DATASET EXCERPTS
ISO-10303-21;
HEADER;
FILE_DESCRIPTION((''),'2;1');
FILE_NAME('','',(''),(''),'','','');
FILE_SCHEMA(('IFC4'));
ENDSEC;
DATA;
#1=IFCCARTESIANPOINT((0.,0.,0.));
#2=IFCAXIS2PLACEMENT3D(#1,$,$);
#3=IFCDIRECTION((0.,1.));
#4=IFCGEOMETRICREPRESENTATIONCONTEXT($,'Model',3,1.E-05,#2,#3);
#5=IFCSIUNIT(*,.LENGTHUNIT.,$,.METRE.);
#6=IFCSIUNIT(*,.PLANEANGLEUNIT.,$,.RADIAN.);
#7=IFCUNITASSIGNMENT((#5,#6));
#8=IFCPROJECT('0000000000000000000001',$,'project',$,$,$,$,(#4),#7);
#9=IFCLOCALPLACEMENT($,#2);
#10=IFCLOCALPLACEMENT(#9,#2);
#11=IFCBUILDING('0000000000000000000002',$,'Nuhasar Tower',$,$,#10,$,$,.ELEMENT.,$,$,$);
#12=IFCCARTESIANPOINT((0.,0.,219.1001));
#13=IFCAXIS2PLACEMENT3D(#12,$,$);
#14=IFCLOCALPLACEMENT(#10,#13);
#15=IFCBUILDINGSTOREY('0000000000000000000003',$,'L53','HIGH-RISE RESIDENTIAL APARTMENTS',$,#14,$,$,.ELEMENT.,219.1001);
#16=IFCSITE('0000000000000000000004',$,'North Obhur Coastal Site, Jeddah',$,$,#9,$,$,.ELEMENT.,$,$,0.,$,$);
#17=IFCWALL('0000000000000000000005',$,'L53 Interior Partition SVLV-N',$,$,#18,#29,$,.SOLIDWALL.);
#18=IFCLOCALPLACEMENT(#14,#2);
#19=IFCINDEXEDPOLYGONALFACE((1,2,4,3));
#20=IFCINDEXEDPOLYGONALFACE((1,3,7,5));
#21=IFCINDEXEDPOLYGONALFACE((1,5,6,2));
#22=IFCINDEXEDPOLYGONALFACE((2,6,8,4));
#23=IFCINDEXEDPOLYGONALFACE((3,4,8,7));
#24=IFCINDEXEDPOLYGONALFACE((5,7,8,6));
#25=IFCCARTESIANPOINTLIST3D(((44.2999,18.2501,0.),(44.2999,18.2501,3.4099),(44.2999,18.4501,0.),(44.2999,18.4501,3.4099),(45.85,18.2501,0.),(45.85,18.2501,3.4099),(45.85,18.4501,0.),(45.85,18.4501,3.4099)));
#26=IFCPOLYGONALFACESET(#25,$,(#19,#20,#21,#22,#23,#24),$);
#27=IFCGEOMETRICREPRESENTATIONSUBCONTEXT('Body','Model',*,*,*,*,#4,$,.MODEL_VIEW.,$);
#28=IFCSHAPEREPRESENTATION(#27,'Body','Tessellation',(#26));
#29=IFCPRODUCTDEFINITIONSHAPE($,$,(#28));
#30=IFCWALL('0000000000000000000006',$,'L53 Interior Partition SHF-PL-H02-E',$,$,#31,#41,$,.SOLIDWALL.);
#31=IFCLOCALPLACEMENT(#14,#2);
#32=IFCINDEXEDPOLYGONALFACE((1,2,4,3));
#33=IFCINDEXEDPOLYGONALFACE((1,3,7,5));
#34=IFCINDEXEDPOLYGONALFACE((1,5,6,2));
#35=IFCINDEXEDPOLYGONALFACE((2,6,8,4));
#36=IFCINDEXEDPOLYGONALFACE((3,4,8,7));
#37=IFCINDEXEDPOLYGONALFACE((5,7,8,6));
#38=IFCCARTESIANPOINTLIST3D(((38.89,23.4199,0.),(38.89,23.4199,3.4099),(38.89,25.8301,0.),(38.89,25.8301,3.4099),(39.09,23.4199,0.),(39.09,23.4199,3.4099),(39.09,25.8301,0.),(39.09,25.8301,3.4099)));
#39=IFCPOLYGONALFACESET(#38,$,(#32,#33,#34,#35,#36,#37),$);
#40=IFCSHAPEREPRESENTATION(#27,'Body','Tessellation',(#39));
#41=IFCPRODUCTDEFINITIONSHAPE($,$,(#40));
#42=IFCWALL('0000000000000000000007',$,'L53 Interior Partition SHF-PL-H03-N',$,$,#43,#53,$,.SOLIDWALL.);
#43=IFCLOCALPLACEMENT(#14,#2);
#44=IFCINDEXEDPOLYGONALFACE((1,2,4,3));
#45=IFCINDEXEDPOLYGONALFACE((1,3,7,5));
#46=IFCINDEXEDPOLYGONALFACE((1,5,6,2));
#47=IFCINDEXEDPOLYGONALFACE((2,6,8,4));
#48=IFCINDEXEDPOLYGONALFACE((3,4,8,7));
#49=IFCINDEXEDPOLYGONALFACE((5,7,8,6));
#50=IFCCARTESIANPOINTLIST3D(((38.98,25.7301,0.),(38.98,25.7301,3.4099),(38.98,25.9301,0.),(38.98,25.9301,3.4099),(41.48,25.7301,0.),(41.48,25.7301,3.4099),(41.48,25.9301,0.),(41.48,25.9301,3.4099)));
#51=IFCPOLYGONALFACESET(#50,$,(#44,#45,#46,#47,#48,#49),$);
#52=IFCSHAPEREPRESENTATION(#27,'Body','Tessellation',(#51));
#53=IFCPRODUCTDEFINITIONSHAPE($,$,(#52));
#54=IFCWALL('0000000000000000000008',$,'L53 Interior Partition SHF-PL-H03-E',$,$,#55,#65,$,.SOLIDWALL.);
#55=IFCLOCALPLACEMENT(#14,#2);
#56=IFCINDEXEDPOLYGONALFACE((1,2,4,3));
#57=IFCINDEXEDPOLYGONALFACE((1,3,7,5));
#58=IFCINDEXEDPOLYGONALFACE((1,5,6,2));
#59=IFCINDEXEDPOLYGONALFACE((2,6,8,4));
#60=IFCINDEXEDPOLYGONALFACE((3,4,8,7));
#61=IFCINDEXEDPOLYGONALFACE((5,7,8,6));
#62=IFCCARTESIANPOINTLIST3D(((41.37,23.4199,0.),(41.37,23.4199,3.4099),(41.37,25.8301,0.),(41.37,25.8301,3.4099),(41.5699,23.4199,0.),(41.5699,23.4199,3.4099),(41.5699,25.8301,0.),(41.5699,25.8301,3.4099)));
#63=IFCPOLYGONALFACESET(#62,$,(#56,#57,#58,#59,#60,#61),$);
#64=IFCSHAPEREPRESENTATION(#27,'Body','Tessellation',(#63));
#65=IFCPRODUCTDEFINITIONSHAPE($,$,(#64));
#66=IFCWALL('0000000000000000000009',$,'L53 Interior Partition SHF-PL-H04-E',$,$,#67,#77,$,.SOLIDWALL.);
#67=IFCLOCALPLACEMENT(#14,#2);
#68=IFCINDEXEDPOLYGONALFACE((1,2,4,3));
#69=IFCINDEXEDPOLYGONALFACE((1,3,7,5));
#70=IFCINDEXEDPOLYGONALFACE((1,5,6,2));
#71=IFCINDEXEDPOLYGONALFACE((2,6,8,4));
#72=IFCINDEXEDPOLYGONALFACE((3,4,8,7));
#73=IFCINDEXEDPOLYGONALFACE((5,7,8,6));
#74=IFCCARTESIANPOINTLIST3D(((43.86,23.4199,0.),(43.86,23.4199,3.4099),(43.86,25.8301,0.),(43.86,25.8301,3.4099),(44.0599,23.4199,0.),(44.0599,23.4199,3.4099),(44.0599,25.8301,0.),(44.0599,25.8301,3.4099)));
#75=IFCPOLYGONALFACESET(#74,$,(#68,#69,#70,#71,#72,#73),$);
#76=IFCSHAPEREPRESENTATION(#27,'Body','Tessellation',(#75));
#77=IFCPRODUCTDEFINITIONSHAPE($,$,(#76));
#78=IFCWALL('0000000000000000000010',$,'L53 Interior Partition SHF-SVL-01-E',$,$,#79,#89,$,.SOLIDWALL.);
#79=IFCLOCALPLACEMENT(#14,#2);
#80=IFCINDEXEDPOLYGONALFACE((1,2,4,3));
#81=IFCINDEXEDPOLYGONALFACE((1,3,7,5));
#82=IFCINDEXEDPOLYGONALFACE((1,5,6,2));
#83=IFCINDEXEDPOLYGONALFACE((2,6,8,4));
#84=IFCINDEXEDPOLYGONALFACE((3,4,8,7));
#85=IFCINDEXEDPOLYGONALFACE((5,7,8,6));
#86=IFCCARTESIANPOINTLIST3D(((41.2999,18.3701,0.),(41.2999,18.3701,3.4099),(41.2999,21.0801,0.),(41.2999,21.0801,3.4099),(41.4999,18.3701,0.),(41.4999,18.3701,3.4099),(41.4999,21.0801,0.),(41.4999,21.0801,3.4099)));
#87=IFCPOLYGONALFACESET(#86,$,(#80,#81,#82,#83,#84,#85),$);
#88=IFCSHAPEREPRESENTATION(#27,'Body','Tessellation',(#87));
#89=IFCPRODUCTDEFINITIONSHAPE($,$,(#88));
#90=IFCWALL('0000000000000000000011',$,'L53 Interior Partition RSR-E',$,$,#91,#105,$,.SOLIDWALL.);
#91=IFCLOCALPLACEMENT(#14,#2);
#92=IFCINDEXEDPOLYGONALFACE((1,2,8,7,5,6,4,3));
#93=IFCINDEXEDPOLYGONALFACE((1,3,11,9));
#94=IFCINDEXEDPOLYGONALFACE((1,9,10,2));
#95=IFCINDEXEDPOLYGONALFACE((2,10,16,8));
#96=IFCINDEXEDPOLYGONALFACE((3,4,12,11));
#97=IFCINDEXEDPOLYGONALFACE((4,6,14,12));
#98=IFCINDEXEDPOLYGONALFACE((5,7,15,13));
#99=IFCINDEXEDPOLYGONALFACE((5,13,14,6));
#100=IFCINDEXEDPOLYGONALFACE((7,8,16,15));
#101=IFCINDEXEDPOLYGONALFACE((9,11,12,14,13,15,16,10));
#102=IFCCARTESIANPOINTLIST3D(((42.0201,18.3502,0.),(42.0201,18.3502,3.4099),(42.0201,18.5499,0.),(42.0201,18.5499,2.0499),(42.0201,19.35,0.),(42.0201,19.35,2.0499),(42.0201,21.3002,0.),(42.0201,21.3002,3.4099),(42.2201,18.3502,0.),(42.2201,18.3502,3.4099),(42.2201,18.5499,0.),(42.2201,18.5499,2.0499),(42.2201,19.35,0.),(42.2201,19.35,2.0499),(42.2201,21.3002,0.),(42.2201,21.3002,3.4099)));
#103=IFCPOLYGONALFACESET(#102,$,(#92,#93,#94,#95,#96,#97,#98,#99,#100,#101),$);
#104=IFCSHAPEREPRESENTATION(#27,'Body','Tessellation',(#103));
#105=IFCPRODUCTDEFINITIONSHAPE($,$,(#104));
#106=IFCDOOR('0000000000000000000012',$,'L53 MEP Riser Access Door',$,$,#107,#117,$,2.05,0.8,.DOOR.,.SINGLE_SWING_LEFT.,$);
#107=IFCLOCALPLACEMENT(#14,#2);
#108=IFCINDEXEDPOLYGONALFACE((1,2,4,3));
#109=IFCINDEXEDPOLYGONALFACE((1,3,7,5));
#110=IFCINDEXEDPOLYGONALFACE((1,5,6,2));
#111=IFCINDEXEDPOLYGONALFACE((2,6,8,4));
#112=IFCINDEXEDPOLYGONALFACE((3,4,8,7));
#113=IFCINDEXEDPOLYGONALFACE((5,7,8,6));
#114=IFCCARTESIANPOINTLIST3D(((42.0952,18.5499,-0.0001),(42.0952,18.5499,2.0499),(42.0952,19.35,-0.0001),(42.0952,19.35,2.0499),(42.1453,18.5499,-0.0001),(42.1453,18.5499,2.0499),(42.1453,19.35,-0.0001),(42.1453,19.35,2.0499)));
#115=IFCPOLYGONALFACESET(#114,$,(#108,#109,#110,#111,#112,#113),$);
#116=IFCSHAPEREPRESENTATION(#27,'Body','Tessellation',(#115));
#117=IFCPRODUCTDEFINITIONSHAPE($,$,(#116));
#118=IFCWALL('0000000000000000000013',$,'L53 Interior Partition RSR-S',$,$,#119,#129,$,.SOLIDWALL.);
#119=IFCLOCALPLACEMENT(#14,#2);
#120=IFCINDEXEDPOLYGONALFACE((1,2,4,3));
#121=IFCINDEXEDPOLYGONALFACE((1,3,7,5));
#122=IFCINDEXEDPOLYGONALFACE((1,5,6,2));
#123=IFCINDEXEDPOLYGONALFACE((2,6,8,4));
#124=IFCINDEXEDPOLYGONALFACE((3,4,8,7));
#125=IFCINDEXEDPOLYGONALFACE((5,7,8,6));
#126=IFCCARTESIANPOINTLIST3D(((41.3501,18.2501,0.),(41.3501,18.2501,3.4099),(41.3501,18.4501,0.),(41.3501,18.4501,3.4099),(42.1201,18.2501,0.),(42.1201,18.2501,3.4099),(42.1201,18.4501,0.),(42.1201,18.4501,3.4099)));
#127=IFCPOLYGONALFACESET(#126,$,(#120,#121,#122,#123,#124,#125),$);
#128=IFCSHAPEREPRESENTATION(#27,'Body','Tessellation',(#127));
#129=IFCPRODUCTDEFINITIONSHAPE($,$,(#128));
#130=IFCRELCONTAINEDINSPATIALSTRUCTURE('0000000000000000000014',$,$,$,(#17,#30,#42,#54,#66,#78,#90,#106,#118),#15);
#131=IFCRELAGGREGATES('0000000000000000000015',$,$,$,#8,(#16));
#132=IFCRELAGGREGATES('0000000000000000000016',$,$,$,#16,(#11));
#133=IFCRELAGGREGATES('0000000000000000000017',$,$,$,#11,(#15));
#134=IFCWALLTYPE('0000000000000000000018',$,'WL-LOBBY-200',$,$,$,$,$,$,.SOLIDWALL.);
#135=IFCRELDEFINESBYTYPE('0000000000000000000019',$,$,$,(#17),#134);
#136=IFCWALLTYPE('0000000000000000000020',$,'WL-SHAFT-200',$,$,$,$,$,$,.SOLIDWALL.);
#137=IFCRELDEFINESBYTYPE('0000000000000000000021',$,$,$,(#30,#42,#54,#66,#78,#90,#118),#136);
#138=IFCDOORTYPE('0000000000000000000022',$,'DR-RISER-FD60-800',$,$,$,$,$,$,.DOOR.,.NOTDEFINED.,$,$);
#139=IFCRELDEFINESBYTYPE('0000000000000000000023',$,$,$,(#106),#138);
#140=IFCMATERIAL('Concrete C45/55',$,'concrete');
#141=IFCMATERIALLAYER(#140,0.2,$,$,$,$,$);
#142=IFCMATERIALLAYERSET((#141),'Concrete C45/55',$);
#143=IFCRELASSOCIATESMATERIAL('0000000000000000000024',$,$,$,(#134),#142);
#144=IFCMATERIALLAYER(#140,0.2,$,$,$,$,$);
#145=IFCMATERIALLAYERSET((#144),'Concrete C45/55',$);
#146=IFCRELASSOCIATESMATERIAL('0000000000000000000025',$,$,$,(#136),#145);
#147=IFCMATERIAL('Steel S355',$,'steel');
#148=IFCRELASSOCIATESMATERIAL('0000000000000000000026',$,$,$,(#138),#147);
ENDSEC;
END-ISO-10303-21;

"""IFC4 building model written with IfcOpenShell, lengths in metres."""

from ifc_helpers import new_model, si_unit, direction, frame, frame_2d, origin, place, context, subcontext, project, spatial, rectangle, extrude, material, layer, layer_set, type_object, element, fill, save


model = new_model("IFC4")

# Units and contexts
model_context = context("Model", 3, precision=1e-05, world=origin(), true_north=direction((0.0, 1.0)))
body_context = subcontext(model_context, "Body", "Model", "MODEL_VIEW")
ifc_project = project(units=[si_unit("LENGTHUNIT", "METRE"), si_unit("PLANEANGLEUNIT", "RADIAN")], contexts=[model_context])

# Site, building, storey
site_placement = place(None, origin())
site = spatial("IfcSite", under=ifc_project, at=site_placement, Name="North Obhur Coastal Site, Jeddah", CompositionType="ELEMENT", RefElevation=0.0)
building_placement = place(site_placement, origin())
building = spatial("IfcBuilding", under=site, at=building_placement, Name="Nuhasar Tower", CompositionType="ELEMENT")
storey_placement = place(building_placement, frame((0.0, 0.0, 219.1001)))
storey = spatial("IfcBuildingStorey", under=building, at=storey_placement, Name="L53", Description="HIGH-RISE RESIDENTIAL APARTMENTS", CompositionType="ELEMENT", Elevation=219.1001)

# Shared definitions
ifc_material_1 = material(Name="Steel S355", Category="steel")

# Shared definitions
ifc_material_2 = material(Name="Concrete C45/55", Category="concrete")
ifc_layer_1 = layer(ifc_material_2, 0.2)
ifc_layer_set_1 = layer_set([ifc_layer_1], Name="Concrete C45/55")
wall_type_1 = type_object("IfcWallType", Name="WL-LOBBY-200", PredefinedType="SOLIDWALL", material=ifc_layer_set_1)

# Walls
wall_1_placement = place(storey_placement, frame((44.3, 18.3501, 0.0), z_axis=(0.0, 0.0, 1.0), x_axis=(1.0, 0.0, 0.0)))
element("IfcWall", 1, at=wall_1_placement, inside=storey, type_object=wall_type_1, Name="L53 Interior Partition SVLV-N", PredefinedType="SOLIDWALL", context=body_context, shape_type="SweptSolid", body=[
    extrude(rectangle(XDim=1.55, YDim=0.2, at=frame_2d((0.7749, 0.0))), origin(), (0.0, 0.0, 1.0), 3.4099),
])
ifc_layer_2 = layer(ifc_material_2, 0.2)
ifc_layer_set_2 = layer_set([ifc_layer_2], Name="Concrete C45/55")
wall_type_2 = type_object("IfcWallType", Name="WL-SHAFT-200", PredefinedType="SOLIDWALL", material=ifc_layer_set_2)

PROBLEM TO SOLVE
What you give back must be the stretch above, starting at the line with "#45=IFCINDEXEDPOLYGONALFACE((1,3,7,5));" and ending at the line with "#49=IFCINDEXEDPOLYGONALFACE((5,7,8,6));", copied exactly.

ANSWER BOX
#45=IFCINDEXEDPOLYGONALFACE((1,3,7,5));
#46=IFCINDEXEDPOLYGONALFACE((1,5,6,2));
#47=IFCINDEXEDPOLYGONALFACE((2,6,8,4));
#48=IFCINDEXEDPOLYGONALFACE((3,4,8,7));
#49=IFCINDEXEDPOLYGONALFACE((5,7,8,6));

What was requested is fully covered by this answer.